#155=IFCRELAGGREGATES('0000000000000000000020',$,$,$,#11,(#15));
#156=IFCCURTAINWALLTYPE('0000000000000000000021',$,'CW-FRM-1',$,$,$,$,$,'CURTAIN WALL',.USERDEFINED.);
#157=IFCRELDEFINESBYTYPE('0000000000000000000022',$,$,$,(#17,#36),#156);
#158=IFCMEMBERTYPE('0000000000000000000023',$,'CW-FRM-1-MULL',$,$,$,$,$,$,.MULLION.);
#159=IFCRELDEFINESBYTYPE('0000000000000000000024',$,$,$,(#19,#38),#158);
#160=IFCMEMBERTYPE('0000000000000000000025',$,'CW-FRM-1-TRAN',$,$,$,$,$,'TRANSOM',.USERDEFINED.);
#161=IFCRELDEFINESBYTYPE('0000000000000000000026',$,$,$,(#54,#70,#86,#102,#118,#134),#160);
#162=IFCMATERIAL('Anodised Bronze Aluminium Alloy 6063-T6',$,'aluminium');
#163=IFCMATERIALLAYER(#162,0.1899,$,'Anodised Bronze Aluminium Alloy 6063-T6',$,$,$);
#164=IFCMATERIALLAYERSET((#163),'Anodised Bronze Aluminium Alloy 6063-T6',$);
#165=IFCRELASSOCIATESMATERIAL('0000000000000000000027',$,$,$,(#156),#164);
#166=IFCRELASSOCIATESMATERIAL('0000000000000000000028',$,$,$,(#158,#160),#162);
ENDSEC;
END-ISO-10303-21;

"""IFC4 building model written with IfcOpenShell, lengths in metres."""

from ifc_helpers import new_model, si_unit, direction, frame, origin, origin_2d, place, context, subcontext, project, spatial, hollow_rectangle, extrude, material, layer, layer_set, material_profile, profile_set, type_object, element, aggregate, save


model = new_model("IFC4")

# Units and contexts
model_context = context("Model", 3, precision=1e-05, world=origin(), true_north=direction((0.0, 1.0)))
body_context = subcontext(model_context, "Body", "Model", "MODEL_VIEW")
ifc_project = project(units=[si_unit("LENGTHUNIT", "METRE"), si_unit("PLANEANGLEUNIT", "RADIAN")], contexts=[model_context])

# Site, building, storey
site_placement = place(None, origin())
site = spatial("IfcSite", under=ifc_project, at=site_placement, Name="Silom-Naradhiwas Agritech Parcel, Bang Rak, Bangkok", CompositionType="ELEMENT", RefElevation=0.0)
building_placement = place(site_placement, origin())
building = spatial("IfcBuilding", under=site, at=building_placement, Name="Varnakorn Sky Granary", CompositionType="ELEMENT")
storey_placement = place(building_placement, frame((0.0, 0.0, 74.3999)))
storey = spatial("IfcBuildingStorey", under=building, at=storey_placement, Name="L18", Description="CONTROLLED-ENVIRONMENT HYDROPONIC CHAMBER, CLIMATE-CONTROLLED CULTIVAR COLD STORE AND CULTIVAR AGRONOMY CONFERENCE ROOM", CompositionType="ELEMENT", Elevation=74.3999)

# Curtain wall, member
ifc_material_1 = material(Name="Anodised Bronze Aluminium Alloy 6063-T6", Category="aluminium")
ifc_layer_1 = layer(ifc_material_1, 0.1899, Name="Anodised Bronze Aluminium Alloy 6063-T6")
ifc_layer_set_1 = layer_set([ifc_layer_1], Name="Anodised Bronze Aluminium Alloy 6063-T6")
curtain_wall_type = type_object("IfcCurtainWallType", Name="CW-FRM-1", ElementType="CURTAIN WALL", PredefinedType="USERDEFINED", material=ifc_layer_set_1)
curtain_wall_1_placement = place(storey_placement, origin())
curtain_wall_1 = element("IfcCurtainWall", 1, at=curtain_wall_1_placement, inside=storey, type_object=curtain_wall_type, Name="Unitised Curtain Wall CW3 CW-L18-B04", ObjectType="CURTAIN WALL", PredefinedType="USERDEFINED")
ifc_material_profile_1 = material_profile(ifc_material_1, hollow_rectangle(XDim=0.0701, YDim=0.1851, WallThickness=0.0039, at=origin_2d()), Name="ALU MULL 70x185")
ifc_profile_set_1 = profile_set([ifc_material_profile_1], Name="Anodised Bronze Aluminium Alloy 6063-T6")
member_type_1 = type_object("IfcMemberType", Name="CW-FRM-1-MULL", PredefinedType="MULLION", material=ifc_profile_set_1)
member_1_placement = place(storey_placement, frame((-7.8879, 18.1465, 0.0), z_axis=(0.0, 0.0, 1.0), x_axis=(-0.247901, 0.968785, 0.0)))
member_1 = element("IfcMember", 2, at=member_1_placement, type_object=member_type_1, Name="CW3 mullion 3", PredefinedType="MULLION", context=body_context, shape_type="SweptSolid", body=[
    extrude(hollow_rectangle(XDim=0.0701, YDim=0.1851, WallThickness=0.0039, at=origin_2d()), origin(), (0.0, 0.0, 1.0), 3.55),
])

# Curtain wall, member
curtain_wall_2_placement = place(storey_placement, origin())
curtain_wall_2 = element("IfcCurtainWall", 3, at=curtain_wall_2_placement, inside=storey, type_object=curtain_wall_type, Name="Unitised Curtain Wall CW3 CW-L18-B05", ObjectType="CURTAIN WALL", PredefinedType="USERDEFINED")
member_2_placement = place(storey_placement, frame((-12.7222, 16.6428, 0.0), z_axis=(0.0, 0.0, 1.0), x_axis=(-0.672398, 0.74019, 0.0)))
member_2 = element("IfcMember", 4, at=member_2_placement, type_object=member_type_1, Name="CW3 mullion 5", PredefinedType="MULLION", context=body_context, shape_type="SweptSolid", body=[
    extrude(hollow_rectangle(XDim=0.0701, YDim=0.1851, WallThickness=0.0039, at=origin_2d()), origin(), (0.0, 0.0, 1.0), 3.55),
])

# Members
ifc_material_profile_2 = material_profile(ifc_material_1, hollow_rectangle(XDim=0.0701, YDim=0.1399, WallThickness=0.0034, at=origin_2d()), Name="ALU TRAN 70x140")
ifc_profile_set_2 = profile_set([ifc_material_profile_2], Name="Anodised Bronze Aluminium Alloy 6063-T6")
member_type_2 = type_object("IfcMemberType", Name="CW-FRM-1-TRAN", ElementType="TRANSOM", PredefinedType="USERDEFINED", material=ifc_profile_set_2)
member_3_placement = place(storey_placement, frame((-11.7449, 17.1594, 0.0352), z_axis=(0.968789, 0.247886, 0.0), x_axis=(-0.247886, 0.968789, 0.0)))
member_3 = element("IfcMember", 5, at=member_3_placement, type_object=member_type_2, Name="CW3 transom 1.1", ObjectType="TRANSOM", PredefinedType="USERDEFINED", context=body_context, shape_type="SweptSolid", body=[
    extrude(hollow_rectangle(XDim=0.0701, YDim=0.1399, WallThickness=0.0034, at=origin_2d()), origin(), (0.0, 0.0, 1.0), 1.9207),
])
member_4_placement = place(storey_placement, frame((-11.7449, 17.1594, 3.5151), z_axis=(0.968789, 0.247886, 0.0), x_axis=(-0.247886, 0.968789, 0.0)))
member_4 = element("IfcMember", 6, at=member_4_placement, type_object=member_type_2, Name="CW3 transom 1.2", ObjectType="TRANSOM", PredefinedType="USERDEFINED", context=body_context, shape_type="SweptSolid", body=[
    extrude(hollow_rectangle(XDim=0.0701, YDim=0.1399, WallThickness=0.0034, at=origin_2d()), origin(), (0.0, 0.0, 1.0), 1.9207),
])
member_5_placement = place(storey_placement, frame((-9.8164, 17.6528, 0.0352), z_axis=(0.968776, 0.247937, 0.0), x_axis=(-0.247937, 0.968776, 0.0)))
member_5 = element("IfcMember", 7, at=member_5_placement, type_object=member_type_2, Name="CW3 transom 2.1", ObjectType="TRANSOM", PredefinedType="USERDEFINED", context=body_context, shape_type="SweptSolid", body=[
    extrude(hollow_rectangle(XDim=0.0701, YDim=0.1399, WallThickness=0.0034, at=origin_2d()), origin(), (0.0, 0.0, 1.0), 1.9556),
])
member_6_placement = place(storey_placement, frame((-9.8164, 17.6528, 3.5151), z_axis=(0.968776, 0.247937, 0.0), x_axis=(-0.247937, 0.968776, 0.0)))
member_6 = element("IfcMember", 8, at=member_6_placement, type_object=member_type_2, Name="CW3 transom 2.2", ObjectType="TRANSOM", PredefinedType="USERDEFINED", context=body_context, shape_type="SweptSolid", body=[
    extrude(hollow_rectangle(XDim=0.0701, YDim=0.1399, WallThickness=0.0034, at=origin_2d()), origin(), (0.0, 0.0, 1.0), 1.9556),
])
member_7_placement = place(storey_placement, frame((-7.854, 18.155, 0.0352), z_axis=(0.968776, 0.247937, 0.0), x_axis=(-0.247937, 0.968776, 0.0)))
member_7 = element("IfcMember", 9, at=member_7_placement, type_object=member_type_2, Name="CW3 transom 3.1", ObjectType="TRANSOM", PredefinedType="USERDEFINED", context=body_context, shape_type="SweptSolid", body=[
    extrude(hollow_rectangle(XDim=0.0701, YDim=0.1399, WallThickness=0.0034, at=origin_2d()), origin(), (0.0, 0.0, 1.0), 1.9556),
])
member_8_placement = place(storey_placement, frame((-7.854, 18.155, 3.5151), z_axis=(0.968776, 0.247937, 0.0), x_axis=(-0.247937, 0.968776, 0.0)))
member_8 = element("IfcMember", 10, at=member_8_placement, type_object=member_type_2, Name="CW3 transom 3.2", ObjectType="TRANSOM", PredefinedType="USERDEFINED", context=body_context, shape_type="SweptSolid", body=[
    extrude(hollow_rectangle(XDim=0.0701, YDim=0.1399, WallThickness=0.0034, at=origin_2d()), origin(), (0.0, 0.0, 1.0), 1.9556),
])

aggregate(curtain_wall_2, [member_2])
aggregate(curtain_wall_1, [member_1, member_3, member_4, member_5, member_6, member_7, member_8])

---

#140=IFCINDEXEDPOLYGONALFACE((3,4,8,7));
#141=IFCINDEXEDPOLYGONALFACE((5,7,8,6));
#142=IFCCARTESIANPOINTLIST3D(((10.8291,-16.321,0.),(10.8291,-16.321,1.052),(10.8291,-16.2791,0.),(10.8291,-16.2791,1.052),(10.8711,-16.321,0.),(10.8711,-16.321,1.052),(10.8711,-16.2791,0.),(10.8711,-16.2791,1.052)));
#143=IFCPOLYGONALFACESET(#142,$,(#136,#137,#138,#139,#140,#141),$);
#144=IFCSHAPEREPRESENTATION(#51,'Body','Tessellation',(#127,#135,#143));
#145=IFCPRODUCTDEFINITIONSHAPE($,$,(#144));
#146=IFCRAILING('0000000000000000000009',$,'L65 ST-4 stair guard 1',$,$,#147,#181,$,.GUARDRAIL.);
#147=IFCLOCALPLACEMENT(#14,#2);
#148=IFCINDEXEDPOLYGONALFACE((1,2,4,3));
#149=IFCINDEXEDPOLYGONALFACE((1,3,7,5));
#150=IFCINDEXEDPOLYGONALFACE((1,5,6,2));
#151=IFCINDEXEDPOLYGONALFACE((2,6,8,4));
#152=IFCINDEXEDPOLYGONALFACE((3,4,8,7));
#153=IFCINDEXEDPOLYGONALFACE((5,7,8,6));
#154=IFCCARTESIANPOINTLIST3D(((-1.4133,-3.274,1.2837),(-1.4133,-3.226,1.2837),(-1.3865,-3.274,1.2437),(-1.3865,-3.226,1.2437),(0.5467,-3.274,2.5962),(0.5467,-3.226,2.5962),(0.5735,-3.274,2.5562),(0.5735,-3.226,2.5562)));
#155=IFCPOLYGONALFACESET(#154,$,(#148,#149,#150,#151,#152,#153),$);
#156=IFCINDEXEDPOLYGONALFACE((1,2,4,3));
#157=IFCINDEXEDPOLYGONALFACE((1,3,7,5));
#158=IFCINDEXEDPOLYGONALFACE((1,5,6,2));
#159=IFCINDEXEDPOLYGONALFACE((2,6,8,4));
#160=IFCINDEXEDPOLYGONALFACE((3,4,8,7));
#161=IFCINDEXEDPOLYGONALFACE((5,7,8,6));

#### [What to produce]
What do the lines above say from the one containing "#155=IFCRELAGGREGATES('0000000000000000000020',$,$,$,#11,(#15));" down to the one containing "building_placement = place(site_placement, origin())"? Return them exactly, both end lines included, and only them.

#### [Response area]
#155=IFCRELAGGREGATES('0000000000000000000020',$,$,$,#11,(#15));
#156=IFCCURTAINWALLTYPE('0000000000000000000021',$,'CW-FRM-1',$,$,$,$,$,'CURTAIN WALL',.USERDEFINED.);
#157=IFCRELDEFINESBYTYPE('0000000000000000000022',$,$,$,(#17,#36),#156);
#158=IFCMEMBERTYPE('0000000000000000000023',$,'CW-FRM-1-MULL',$,$,$,$,$,$,.MULLION.);
#159=IFCRELDEFINESBYTYPE('0000000000000000000024',$,$,$,(#19,#38),#158);
#160=IFCMEMBERTYPE('0000000000000000000025',$,'CW-FRM-1-TRAN',$,$,$,$,$,'TRANSOM',.USERDEFINED.);
#161=IFCRELDEFINESBYTYPE('0000000000000000000026',$,$,$,(#54,#70,#86,#102,#118,#134),#160);
#162=IFCMATERIAL('Anodised Bronze Aluminium Alloy 6063-T6',$,'aluminium');
#163=IFCMATERIALLAYER(#162,0.1899,$,'Anodised Bronze Aluminium Alloy 6063-T6',$,$,$);
#164=IFCMATERIALLAYERSET((#163),'Anodised Bronze Aluminium Alloy 6063-T6',$);
#165=IFCRELASSOCIATESMATERIAL('0000000000000000000027',$,$,$,(#156),#164);
#166=IFCRELASSOCIATESMATERIAL('0000000000000000000028',$,$,$,(#158,#160),#162);
ENDSEC;
END-ISO-10303-21;

"""IFC4 building model written with IfcOpenShell, lengths in metres."""

from ifc_helpers import new_model, si_unit, direction, frame, origin, origin_2d, place, context, subcontext, project, spatial, hollow_rectangle, extrude, material, layer, layer_set, material_profile, profile_set, type_object, element, aggregate, save


model = new_model("IFC4")

# Units and contexts
model_context = context("Model", 3, precision=1e-05, world=origin(), true_north=direction((0.0, 1.0)))
body_context = subcontext(model_context, "Body", "Model", "MODEL_VIEW")
ifc_project = project(units=[si_unit("LENGTHUNIT", "METRE"), si_unit("PLANEANGLEUNIT", "RADIAN")], contexts=[model_context])

# Site, building, storey
site_placement = place(None, origin())
site = spatial("IfcSite", under=ifc_project, at=site_placement, Name="Silom-Naradhiwas Agritech Parcel, Bang Rak, Bangkok", CompositionType="ELEMENT", RefElevation=0.0)
building_placement = place(site_placement, origin())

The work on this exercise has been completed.